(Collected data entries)
################
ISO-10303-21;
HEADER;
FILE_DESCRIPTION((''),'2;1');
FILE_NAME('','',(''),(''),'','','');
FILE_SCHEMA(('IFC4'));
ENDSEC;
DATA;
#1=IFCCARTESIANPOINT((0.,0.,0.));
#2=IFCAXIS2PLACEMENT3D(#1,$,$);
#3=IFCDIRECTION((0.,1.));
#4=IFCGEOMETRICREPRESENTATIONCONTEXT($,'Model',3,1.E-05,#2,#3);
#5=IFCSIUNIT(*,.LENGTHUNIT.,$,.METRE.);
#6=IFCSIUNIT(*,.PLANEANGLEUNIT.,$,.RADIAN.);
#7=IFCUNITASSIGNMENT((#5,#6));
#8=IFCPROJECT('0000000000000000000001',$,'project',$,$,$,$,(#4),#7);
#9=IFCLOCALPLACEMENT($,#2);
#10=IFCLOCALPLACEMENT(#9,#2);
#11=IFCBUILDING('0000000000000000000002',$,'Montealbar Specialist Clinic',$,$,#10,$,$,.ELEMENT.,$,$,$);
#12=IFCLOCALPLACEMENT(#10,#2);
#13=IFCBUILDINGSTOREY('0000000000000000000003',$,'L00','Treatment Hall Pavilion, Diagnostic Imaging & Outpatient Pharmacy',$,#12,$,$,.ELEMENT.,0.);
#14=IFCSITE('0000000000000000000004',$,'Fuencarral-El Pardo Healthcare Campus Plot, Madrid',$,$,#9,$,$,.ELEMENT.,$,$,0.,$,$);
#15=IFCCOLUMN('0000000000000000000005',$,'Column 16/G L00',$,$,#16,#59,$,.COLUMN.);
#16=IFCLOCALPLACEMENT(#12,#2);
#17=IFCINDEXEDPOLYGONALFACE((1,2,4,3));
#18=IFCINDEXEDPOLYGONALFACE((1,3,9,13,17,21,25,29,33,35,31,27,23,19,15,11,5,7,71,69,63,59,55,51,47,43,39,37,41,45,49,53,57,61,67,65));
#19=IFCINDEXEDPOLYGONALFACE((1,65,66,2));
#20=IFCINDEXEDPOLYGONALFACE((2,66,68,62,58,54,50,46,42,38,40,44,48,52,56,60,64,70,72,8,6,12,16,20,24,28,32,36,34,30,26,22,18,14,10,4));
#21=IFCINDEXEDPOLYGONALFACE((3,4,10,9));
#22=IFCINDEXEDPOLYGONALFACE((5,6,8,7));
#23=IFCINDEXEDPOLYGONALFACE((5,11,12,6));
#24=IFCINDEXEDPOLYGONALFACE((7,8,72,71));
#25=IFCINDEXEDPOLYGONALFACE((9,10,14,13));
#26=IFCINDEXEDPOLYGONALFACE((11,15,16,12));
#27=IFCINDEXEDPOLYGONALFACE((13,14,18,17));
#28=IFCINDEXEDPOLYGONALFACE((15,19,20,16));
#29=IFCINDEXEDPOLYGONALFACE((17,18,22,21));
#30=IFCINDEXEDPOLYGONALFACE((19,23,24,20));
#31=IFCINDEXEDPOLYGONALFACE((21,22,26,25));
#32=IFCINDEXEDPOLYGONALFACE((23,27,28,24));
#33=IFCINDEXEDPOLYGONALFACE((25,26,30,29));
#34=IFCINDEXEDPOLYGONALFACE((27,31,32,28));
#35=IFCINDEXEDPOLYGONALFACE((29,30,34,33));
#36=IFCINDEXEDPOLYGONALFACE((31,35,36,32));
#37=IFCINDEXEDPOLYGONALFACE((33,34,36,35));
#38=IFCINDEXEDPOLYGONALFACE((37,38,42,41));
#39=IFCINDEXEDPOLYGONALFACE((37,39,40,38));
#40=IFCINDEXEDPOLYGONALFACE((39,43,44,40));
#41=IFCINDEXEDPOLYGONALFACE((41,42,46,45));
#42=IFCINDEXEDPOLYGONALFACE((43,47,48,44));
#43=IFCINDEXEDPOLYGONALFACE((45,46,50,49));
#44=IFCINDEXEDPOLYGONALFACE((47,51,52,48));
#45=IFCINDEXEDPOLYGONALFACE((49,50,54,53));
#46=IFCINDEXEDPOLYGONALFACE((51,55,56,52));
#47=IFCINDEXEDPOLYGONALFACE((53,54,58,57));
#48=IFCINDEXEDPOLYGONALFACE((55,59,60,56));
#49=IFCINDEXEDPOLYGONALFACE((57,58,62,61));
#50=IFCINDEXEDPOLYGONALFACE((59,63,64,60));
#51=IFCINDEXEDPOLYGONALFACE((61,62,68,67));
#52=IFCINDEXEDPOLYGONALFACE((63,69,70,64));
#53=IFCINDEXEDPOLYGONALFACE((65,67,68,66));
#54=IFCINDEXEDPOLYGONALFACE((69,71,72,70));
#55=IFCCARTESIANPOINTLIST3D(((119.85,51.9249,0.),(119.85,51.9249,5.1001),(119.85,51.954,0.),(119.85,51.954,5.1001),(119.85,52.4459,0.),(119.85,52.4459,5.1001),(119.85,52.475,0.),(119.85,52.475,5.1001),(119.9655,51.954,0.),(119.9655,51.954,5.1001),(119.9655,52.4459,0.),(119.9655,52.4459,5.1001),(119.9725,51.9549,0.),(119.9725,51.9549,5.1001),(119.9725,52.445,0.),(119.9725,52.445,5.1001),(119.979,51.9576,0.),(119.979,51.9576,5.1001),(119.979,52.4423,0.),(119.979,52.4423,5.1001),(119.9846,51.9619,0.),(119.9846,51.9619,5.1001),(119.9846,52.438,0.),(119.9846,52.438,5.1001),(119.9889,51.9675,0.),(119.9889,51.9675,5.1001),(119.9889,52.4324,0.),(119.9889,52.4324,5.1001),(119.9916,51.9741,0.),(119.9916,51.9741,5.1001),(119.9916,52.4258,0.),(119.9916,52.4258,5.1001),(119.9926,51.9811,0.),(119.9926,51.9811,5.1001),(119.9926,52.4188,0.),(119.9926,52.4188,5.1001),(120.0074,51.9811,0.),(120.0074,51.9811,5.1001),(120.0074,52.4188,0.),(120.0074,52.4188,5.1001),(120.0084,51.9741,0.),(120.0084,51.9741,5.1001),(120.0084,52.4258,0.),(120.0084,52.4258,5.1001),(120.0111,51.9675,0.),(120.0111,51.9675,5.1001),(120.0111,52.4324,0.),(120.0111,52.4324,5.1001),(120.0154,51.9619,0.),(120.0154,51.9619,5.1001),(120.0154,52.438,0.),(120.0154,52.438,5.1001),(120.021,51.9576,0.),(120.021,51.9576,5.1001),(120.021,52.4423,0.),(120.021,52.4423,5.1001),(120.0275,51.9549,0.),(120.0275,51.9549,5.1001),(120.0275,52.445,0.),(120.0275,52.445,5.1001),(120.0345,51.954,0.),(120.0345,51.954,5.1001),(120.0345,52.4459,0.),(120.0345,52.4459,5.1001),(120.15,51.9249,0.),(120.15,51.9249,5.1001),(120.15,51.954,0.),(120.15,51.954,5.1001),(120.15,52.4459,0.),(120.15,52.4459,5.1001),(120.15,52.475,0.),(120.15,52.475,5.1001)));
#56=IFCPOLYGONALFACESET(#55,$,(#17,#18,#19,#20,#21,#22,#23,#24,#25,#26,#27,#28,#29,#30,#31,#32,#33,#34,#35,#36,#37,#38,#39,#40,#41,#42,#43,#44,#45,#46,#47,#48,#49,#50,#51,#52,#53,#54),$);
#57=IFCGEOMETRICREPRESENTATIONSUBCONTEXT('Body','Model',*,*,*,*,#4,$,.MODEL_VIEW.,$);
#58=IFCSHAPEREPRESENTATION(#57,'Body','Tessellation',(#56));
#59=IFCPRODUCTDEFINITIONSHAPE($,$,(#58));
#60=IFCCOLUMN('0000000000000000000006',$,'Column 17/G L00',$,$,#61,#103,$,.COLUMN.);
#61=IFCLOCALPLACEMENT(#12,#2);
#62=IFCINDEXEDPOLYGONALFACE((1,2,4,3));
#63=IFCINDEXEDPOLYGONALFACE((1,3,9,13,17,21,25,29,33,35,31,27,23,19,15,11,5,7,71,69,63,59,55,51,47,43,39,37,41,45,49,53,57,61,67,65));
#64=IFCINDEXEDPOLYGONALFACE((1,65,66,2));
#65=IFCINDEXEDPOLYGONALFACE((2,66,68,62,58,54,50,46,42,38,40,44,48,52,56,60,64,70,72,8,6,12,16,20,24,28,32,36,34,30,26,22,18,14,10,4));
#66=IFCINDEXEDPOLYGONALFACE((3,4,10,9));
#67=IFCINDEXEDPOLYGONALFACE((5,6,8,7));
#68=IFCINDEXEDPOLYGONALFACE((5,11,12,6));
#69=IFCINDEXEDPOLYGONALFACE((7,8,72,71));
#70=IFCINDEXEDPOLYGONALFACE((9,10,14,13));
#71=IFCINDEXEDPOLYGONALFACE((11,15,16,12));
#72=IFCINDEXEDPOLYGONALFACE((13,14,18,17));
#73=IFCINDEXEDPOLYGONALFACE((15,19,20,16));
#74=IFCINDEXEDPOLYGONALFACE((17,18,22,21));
################
Work to be completed:
Nothing but the lines above from the one containing "#47=IFCINDEXEDPOLYGONALFACE((53,54,58,57));" through the one containing "#54=IFCINDEXEDPOLYGONALFACE((69,71,72,70));" should appear in the answer, each repeated exactly.

Result of this exercise:
#47=IFCINDEXEDPOLYGONALFACE((53,54,58,57));
#48=IFCINDEXEDPOLYGONALFACE((55,59,60,56));
#49=IFCINDEXEDPOLYGONALFACE((57,58,62,61));
#50=IFCINDEXEDPOLYGONALFACE((59,63,64,60));
#51=IFCINDEXEDPOLYGONALFACE((61,62,68,67));
#52=IFCINDEXEDPOLYGONALFACE((63,69,70,64));
#53=IFCINDEXEDPOLYGONALFACE((65,67,68,66));
#54=IFCINDEXEDPOLYGONALFACE((69,71,72,70));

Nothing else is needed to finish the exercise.